[Source records]
○ ○ ○ ○
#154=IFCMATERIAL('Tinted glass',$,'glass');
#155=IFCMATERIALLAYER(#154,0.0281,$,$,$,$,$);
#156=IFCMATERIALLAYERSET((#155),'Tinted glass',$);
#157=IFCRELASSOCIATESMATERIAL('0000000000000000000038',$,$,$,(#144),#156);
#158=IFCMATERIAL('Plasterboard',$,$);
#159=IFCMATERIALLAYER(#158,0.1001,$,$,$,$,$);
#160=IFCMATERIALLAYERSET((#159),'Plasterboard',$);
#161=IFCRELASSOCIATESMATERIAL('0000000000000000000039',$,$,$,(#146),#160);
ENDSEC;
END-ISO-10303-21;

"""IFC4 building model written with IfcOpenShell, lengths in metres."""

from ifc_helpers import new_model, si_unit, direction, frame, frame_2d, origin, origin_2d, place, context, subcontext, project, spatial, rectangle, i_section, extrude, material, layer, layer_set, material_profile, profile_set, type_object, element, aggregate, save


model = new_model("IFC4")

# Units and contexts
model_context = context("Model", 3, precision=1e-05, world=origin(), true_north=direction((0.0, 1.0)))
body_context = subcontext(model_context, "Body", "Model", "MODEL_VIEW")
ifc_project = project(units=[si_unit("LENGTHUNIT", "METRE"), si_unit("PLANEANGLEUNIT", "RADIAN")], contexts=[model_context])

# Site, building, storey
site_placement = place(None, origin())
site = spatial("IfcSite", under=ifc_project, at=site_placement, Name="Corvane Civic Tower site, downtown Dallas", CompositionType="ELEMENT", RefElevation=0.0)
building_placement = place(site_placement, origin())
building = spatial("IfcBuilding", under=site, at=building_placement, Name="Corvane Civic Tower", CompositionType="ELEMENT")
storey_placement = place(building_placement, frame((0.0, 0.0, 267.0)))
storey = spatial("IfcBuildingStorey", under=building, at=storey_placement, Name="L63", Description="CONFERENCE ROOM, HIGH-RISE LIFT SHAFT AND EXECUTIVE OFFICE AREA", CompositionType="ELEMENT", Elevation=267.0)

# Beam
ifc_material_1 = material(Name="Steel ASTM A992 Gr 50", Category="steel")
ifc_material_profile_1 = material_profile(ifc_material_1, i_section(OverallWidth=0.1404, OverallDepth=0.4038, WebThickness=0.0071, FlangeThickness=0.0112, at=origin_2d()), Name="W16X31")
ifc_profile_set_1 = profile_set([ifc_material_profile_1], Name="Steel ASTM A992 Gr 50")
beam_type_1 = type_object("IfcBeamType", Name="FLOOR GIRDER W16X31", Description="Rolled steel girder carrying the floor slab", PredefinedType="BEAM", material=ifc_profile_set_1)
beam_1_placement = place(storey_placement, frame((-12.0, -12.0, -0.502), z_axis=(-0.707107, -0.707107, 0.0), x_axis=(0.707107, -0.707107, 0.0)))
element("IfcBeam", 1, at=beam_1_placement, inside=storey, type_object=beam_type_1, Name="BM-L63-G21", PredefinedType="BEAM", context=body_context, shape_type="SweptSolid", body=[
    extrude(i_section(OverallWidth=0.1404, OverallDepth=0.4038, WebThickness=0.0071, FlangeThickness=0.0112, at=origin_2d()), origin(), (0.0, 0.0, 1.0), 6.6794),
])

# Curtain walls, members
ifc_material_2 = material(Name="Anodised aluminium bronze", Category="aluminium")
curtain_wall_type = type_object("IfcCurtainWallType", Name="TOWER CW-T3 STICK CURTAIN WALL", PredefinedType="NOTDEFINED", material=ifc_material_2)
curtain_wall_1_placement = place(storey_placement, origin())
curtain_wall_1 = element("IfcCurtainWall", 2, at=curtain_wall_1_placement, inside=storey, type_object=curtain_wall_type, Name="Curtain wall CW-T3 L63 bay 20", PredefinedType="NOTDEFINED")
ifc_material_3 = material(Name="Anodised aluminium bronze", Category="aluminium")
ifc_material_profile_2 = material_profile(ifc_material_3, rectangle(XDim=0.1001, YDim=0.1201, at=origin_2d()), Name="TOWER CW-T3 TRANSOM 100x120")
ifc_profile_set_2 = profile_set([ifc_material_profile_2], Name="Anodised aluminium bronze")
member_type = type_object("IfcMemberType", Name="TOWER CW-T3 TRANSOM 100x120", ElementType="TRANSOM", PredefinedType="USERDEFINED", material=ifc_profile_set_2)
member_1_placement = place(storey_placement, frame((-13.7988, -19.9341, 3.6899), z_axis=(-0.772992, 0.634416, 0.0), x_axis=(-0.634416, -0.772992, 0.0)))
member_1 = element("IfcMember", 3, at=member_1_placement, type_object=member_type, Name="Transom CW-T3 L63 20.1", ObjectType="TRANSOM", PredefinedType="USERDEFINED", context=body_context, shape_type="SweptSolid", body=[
○ ○ ○ ○
**Task prompt:** Retype the data in full, and keep every line identical to the original.

**Exercise answer:**
#154=IFCMATERIAL('Tinted glass',$,'glass');
#155=IFCMATERIALLAYER(#154,0.0281,$,$,$,$,$);
#156=IFCMATERIALLAYERSET((#155),'Tinted glass',$);
#157=IFCRELASSOCIATESMATERIAL('0000000000000000000038',$,$,$,(#144),#156);
#158=IFCMATERIAL('Plasterboard',$,$);
#159=IFCMATERIALLAYER(#158,0.1001,$,$,$,$,$);
#160=IFCMATERIALLAYERSET((#159),'Plasterboard',$);
#161=IFCRELASSOCIATESMATERIAL('0000000000000000000039',$,$,$,(#146),#160);
ENDSEC;
END-ISO-10303-21;

"""IFC4 building model written with IfcOpenShell, lengths in metres."""

from ifc_helpers import new_model, si_unit, direction, frame, frame_2d, origin, origin_2d, place, context, subcontext, project, spatial, rectangle, i_section, extrude, material, layer, layer_set, material_profile, profile_set, type_object, element, aggregate, save


model = new_model("IFC4")

# Units and contexts
model_context = context("Model", 3, precision=1e-05, world=origin(), true_north=direction((0.0, 1.0)))
body_context = subcontext(model_context, "Body", "Model", "MODEL_VIEW")
ifc_project = project(units=[si_unit("LENGTHUNIT", "METRE"), si_unit("PLANEANGLEUNIT", "RADIAN")], contexts=[model_context])

# Site, building, storey
site_placement = place(None, origin())
site = spatial("IfcSite", under=ifc_project, at=site_placement, Name="Corvane Civic Tower site, downtown Dallas", CompositionType="ELEMENT", RefElevation=0.0)
building_placement = place(site_placement, origin())
building = spatial("IfcBuilding", under=site, at=building_placement, Name="Corvane Civic Tower", CompositionType="ELEMENT")
storey_placement = place(building_placement, frame((0.0, 0.0, 267.0)))
storey = spatial("IfcBuildingStorey", under=building, at=storey_placement, Name="L63", Description="CONFERENCE ROOM, HIGH-RISE LIFT SHAFT AND EXECUTIVE OFFICE AREA", CompositionType="ELEMENT", Elevation=267.0)

# Beam
ifc_material_1 = material(Name="Steel ASTM A992 Gr 50", Category="steel")
ifc_material_profile_1 = material_profile(ifc_material_1, i_section(OverallWidth=0.1404, OverallDepth=0.4038, WebThickness=0.0071, FlangeThickness=0.0112, at=origin_2d()), Name="W16X31")
ifc_profile_set_1 = profile_set([ifc_material_profile_1], Name="Steel ASTM A992 Gr 50")
beam_type_1 = type_object("IfcBeamType", Name="FLOOR GIRDER W16X31", Description="Rolled steel girder carrying the floor slab", PredefinedType="BEAM", material=ifc_profile_set_1)
beam_1_placement = place(storey_placement, frame((-12.0, -12.0, -0.502), z_axis=(-0.707107, -0.707107, 0.0), x_axis=(0.707107, -0.707107, 0.0)))
element("IfcBeam", 1, at=beam_1_placement, inside=storey, type_object=beam_type_1, Name="BM-L63-G21", PredefinedType="BEAM", context=body_context, shape_type="SweptSolid", body=[
    extrude(i_section(OverallWidth=0.1404, OverallDepth=0.4038, WebThickness=0.0071, FlangeThickness=0.0112, at=origin_2d()), origin(), (0.0, 0.0, 1.0), 6.6794),
])

# Curtain walls, members
ifc_material_2 = material(Name="Anodised aluminium bronze", Category="aluminium")
curtain_wall_type = type_object("IfcCurtainWallType", Name="TOWER CW-T3 STICK CURTAIN WALL", PredefinedType="NOTDEFINED", material=ifc_material_2)
curtain_wall_1_placement = place(storey_placement, origin())
curtain_wall_1 = element("IfcCurtainWall", 2, at=curtain_wall_1_placement, inside=storey, type_object=curtain_wall_type, Name="Curtain wall CW-T3 L63 bay 20", PredefinedType="NOTDEFINED")
ifc_material_3 = material(Name="Anodised aluminium bronze", Category="aluminium")
ifc_material_profile_2 = material_profile(ifc_material_3, rectangle(XDim=0.1001, YDim=0.1201, at=origin_2d()), Name="TOWER CW-T3 TRANSOM 100x120")
ifc_profile_set_2 = profile_set([ifc_material_profile_2], Name="Anodised aluminium bronze")
member_type = type_object("IfcMemberType", Name="TOWER CW-T3 TRANSOM 100x120", ElementType="TRANSOM", PredefinedType="USERDEFINED", material=ifc_profile_set_2)
member_1_placement = place(storey_placement, frame((-13.7988, -19.9341, 3.6899), z_axis=(-0.772992, 0.634416, 0.0), x_axis=(-0.634416, -0.772992, 0.0)))
member_1 = element("IfcMember", 3, at=member_1_placement, type_object=member_type, Name="Transom CW-T3 L63 20.1", ObjectType="TRANSOM", PredefinedType="USERDEFINED", context=body_context, shape_type="SweptSolid", body=[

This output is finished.